:: TASK DIRECTIONS ::
Each line from the start of the listing below through the line containing "#16=IFCSITE('0000000000000000000004',$,'Olszyna Solenne CBD" should be reproduced exactly, with no others.

((

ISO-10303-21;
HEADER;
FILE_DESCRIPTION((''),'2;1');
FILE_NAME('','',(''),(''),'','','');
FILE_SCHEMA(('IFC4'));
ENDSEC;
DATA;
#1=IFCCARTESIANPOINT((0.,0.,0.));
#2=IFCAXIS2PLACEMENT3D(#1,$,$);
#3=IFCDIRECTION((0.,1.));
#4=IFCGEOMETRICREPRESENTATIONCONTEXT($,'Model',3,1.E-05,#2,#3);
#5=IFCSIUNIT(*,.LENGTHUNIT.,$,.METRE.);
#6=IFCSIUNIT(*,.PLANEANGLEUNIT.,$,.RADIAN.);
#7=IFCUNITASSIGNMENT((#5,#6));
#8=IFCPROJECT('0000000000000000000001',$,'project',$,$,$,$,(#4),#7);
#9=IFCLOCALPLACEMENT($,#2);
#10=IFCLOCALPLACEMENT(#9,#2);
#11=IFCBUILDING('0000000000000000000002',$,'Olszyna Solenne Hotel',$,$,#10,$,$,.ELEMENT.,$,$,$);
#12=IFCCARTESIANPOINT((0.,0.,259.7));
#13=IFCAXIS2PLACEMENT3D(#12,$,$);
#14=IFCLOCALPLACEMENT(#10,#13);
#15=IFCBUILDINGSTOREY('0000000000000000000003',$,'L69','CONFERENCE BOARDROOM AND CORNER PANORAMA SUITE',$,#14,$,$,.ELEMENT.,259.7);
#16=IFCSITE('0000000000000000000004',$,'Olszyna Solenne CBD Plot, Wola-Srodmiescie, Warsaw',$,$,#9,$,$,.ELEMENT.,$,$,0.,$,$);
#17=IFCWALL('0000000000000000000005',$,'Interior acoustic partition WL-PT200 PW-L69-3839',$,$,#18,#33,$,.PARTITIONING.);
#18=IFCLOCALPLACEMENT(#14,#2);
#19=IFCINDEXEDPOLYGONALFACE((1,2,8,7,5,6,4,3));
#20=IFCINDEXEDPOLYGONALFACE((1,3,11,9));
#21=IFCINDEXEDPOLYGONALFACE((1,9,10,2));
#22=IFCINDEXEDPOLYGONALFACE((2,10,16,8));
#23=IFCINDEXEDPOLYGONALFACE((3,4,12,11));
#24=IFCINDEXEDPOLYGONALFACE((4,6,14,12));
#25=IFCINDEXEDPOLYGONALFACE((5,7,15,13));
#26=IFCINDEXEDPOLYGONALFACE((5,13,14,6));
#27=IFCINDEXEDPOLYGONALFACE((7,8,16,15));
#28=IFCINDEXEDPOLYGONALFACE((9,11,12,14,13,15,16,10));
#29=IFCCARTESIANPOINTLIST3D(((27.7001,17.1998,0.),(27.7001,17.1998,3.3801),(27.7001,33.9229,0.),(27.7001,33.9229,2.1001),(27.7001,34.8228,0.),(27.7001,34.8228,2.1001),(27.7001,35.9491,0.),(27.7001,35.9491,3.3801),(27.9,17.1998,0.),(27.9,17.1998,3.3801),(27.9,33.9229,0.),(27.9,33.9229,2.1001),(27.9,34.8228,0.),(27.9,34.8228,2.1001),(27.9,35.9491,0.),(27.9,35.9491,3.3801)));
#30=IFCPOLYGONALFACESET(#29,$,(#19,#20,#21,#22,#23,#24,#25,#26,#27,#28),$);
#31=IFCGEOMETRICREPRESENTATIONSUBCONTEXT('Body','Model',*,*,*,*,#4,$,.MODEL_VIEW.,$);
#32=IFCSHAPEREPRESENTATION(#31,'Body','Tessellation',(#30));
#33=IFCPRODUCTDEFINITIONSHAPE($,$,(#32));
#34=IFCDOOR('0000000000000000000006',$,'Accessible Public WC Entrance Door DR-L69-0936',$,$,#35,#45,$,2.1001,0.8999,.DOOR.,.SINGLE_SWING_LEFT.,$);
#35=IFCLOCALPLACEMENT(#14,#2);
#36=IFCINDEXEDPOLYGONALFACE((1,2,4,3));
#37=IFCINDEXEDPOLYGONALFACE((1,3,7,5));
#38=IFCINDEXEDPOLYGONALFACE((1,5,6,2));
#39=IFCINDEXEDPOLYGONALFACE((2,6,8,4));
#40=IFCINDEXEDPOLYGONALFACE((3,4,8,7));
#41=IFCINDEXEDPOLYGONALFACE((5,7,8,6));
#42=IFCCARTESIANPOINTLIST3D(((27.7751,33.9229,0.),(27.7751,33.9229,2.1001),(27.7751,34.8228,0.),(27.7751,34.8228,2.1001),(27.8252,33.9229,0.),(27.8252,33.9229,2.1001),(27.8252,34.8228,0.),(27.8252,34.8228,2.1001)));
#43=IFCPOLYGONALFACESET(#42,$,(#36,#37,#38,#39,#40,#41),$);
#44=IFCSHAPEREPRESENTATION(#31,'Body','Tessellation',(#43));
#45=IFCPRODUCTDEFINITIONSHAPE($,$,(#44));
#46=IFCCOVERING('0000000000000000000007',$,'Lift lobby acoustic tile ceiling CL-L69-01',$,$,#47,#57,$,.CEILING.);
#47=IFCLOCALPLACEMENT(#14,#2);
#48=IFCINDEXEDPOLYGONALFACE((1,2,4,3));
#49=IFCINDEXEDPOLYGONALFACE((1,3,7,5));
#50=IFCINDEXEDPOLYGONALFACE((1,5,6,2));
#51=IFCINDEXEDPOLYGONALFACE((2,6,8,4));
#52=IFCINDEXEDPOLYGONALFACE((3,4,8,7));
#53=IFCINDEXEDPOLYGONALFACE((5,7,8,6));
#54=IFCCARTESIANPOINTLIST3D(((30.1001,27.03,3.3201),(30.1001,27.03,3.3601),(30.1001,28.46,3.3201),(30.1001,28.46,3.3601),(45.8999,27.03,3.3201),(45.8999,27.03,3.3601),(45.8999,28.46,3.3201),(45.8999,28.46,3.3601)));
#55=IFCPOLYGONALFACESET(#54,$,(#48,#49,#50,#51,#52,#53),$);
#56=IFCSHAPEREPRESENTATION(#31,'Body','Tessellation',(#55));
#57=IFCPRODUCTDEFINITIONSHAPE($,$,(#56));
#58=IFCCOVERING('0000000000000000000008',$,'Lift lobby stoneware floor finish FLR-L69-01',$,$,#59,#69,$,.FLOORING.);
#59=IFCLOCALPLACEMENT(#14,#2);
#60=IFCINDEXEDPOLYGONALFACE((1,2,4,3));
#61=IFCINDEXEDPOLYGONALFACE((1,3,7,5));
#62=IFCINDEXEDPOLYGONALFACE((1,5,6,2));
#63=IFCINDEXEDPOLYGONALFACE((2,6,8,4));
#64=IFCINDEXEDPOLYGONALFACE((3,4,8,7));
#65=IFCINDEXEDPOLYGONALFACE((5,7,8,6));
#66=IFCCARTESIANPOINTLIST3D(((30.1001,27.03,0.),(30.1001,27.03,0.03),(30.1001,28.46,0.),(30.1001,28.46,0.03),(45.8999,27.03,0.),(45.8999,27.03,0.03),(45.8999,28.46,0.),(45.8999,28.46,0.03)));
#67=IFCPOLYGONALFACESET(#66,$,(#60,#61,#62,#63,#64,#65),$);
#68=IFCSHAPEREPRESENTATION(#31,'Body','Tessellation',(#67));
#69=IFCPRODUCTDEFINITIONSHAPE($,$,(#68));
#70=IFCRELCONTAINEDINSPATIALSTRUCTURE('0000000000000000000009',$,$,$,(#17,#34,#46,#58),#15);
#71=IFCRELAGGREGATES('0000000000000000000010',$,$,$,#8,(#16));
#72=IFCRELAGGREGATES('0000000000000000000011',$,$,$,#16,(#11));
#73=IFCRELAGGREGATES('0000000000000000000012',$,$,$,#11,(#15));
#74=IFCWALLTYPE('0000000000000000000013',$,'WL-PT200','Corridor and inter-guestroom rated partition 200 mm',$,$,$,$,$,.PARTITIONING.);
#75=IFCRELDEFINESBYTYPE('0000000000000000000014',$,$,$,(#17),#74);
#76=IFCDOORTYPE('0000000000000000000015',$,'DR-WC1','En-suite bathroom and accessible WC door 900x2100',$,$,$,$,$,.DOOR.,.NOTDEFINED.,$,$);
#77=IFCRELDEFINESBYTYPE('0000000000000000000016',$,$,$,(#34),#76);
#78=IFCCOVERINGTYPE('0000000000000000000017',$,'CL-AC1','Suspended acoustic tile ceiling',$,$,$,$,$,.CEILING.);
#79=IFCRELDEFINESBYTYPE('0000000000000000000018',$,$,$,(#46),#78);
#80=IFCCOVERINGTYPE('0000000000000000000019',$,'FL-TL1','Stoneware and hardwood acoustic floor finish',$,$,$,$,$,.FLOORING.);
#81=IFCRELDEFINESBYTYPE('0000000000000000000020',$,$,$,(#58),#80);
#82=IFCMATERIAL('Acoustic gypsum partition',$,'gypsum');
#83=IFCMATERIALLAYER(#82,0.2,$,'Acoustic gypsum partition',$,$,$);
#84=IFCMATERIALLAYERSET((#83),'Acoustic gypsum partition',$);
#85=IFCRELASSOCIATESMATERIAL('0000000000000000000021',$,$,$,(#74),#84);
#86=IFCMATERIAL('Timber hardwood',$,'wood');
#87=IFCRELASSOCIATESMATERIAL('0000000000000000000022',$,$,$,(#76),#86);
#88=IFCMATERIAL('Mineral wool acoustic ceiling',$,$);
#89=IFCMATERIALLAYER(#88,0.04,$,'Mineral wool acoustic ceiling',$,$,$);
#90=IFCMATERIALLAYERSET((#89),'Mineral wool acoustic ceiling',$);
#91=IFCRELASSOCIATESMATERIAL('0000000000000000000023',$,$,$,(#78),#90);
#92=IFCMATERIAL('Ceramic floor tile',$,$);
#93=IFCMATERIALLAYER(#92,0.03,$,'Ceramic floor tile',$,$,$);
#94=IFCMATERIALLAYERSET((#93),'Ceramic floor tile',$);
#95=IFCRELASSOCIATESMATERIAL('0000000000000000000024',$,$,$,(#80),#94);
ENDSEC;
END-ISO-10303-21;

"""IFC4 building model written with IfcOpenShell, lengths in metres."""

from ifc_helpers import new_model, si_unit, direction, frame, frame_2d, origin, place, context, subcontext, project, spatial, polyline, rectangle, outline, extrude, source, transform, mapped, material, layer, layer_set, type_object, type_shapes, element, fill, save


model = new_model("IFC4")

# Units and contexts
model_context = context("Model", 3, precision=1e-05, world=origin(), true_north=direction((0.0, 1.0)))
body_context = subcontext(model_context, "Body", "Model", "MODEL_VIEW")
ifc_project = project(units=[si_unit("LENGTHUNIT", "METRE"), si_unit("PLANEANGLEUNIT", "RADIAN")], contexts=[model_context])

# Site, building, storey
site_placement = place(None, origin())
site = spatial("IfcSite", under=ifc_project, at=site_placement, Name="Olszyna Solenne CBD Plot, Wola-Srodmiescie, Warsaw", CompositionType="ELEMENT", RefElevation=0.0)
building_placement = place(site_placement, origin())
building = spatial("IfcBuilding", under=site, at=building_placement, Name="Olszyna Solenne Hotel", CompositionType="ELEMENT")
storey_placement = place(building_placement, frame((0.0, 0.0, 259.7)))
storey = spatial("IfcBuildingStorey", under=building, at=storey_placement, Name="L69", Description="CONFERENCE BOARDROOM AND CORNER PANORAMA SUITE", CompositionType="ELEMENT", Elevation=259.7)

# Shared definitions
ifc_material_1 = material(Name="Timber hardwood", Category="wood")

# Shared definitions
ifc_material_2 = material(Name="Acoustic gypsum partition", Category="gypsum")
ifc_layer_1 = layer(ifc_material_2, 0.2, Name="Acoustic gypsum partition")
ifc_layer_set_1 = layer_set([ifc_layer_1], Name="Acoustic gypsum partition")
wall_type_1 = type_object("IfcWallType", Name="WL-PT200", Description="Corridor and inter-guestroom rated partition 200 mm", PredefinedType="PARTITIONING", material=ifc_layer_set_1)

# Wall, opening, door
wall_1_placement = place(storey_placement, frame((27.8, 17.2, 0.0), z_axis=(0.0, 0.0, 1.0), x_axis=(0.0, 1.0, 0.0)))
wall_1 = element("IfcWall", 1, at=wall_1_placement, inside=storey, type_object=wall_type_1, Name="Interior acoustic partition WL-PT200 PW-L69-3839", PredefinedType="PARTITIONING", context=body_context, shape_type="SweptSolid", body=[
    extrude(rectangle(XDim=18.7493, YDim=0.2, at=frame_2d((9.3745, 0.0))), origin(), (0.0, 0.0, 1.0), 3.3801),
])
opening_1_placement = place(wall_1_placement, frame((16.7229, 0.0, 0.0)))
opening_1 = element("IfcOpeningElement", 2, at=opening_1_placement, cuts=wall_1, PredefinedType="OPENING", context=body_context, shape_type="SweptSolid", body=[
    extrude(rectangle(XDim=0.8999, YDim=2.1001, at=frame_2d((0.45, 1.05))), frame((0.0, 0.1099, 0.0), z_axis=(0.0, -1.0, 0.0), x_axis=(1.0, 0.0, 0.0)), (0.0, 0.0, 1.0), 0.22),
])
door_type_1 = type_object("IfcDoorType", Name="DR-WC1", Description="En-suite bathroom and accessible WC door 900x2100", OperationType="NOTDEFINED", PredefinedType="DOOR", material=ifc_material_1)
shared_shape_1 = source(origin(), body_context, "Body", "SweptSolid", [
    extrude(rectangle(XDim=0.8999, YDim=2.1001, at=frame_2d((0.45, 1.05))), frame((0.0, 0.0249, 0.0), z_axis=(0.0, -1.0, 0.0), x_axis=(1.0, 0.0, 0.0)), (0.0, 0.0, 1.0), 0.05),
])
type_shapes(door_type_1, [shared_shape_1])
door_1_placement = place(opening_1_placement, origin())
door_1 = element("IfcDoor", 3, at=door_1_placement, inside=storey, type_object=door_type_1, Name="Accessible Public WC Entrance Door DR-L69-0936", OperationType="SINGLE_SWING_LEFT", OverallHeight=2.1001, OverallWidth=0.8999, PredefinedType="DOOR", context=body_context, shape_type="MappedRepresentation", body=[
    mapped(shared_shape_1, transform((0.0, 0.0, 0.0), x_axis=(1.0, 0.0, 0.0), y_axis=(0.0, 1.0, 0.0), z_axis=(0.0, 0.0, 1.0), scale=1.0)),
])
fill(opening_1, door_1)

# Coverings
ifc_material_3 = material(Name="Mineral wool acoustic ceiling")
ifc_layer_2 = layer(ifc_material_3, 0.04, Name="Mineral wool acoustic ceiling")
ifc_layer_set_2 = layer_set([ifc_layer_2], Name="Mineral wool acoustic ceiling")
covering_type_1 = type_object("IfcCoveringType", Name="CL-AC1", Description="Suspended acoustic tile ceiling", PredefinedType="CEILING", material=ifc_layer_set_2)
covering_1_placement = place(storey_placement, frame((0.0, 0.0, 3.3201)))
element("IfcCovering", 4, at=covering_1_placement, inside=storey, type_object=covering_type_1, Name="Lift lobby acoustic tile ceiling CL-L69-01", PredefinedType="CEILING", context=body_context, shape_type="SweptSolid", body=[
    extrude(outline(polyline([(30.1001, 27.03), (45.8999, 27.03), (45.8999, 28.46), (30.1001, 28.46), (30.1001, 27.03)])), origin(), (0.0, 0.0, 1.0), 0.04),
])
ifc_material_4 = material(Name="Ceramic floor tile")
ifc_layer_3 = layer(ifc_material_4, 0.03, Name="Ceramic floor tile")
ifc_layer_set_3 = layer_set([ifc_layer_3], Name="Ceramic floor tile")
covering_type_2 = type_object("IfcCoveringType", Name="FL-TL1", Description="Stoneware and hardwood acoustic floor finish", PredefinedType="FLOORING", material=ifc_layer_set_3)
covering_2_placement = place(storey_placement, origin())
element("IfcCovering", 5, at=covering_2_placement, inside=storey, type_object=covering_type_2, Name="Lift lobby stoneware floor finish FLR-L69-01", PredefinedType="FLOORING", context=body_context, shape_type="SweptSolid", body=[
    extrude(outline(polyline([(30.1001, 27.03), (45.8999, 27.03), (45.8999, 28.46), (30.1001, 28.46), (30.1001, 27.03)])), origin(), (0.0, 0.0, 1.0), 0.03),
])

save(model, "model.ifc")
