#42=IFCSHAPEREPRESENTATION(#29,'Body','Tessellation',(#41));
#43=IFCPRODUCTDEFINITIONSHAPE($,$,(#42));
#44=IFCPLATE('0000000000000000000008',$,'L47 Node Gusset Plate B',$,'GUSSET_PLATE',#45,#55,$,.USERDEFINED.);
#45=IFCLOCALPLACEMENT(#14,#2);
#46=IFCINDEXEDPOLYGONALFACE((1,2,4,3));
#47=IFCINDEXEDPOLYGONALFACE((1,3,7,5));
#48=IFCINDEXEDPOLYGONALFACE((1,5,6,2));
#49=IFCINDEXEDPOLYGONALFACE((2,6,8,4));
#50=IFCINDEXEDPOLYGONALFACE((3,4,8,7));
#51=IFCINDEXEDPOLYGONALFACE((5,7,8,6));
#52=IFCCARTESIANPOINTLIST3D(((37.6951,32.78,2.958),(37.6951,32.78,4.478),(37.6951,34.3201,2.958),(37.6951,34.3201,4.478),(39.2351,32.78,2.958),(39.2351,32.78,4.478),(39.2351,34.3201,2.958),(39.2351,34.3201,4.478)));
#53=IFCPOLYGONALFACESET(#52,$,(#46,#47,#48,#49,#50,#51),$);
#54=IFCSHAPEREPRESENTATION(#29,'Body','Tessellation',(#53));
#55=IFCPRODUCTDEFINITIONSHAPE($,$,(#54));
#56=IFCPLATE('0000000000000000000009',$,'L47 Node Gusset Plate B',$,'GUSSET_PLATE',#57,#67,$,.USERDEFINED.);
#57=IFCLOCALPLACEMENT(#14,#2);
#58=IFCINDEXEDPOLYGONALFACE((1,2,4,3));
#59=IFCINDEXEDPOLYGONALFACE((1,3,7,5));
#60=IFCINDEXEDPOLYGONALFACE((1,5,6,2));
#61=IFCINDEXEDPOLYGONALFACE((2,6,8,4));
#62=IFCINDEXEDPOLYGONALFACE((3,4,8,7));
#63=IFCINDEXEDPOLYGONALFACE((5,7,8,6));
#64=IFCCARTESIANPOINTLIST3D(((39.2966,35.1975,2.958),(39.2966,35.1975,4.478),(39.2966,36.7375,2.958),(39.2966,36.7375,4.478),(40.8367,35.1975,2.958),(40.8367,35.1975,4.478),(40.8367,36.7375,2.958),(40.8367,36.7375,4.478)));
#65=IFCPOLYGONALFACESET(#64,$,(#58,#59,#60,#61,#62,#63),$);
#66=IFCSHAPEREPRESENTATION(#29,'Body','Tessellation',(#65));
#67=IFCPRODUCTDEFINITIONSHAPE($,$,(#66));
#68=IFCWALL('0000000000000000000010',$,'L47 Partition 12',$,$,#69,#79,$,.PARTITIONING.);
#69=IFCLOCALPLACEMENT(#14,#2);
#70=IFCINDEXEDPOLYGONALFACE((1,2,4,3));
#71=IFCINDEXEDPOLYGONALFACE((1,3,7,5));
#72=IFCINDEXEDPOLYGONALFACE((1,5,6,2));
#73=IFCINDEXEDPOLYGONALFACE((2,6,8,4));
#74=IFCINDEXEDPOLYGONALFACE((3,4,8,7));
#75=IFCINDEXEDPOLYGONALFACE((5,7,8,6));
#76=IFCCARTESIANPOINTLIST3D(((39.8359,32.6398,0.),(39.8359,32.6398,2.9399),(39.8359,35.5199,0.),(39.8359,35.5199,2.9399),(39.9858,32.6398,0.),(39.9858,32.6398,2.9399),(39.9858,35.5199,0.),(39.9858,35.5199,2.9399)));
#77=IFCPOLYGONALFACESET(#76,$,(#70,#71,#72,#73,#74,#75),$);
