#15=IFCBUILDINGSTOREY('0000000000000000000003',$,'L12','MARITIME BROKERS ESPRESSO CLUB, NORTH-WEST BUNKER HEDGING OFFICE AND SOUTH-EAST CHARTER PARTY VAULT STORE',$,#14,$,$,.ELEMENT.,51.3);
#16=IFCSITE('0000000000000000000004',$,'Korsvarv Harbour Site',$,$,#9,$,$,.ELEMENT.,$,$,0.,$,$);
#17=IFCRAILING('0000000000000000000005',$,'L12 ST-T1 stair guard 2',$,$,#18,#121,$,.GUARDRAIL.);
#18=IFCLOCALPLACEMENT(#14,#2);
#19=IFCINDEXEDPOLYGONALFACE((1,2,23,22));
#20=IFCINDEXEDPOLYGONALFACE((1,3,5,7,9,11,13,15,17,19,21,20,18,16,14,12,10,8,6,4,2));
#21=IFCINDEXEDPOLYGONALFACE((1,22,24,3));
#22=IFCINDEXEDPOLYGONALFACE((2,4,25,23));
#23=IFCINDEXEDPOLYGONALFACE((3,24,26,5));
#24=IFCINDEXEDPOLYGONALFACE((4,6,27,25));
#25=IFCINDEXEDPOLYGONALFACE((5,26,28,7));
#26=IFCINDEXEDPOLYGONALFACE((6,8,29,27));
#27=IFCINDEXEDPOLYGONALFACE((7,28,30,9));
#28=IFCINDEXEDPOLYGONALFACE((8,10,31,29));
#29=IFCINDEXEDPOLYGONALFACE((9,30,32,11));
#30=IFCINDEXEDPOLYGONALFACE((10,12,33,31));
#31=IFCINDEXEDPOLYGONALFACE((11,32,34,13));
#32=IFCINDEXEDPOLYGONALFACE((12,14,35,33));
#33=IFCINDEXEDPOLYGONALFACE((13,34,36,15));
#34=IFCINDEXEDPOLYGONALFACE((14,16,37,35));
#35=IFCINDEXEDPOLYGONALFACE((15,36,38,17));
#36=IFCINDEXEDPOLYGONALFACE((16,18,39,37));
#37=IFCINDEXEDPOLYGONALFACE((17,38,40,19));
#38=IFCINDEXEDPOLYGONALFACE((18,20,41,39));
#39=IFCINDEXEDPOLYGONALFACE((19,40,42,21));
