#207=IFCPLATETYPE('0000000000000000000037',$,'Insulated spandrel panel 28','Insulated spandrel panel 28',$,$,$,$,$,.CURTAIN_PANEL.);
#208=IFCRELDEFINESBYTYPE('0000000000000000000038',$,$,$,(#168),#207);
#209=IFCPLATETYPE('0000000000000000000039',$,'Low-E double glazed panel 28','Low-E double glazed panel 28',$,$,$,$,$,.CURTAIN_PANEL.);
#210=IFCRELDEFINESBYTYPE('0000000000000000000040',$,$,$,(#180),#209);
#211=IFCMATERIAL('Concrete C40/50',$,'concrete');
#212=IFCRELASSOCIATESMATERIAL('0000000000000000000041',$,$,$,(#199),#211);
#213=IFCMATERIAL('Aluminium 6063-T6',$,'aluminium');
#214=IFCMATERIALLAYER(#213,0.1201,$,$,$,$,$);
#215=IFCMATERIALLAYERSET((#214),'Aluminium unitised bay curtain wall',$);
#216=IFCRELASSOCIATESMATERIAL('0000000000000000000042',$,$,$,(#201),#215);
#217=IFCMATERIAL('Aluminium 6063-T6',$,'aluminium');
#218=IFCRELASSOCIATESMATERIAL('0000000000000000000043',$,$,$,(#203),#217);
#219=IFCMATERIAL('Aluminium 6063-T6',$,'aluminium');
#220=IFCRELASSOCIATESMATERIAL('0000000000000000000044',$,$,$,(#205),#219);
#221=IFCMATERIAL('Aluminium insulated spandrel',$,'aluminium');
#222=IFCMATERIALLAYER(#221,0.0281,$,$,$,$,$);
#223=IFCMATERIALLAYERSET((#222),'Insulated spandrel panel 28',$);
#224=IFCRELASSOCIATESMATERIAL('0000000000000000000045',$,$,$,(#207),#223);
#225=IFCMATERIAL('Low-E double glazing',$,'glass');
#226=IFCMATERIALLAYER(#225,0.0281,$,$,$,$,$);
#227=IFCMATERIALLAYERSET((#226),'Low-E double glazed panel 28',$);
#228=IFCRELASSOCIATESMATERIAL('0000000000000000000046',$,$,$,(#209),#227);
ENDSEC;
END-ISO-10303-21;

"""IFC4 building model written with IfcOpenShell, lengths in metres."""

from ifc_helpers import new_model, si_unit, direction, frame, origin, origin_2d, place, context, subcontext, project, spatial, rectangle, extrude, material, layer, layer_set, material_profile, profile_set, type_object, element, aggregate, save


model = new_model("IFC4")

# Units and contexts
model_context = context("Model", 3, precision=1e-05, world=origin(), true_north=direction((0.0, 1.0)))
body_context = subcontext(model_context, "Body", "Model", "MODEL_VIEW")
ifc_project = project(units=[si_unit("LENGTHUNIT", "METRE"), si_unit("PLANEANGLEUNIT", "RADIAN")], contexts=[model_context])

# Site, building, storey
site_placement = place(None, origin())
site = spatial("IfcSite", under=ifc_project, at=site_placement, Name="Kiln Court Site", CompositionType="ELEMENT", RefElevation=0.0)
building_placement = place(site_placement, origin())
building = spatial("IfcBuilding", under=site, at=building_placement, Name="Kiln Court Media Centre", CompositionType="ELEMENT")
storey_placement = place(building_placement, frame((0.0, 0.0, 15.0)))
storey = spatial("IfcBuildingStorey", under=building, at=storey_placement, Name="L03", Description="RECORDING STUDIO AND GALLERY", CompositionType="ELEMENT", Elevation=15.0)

))

:: ANSWER TO THIS PROBLEM ::
ISO-10303-21;
HEADER;
FILE_DESCRIPTION((''),'2;1');
FILE_NAME('','',(''),(''),'','','');
FILE_SCHEMA(('IFC4'));
ENDSEC;
DATA;
#1=IFCCARTESIANPOINT((0.,0.,0.));
#2=IFCAXIS2PLACEMENT3D(#1,$,$);
#3=IFCDIRECTION((0.,1.));
#4=IFCGEOMETRICREPRESENTATIONCONTEXT($,'Model',3,1.E-05,#2,#3);
#5=IFCSIUNIT(*,.LENGTHUNIT.,$,.METRE.);
#6=IFCSIUNIT(*,.PLANEANGLEUNIT.,$,.RADIAN.);
#7=IFCUNITASSIGNMENT((#5,#6));
#8=IFCPROJECT('0000000000000000000001',$,'project',$,$,$,$,(#4),#7);
#9=IFCLOCALPLACEMENT($,#2);
#10=IFCLOCALPLACEMENT(#9,#2);
#11=IFCBUILDING('0000000000000000000002',$,'Olszyna Solenne Hotel',$,$,#10,$,$,.ELEMENT.,$,$,$);
#12=IFCCARTESIANPOINT((0.,0.,259.7));
#13=IFCAXIS2PLACEMENT3D(#12,$,$);
#14=IFCLOCALPLACEMENT(#10,#13);
#15=IFCBUILDINGSTOREY('0000000000000000000003',$,'L69','CONFERENCE BOARDROOM AND CORNER PANORAMA SUITE',$,#14,$,$,.ELEMENT.,259.7);
#16=IFCSITE('0000000000000000000004',$,'Olszyna Solenne CBD Plot, Wola-Srodmiescie, Warsaw',$,$,#9,$,$,.ELEMENT.,$,$,0.,$,$);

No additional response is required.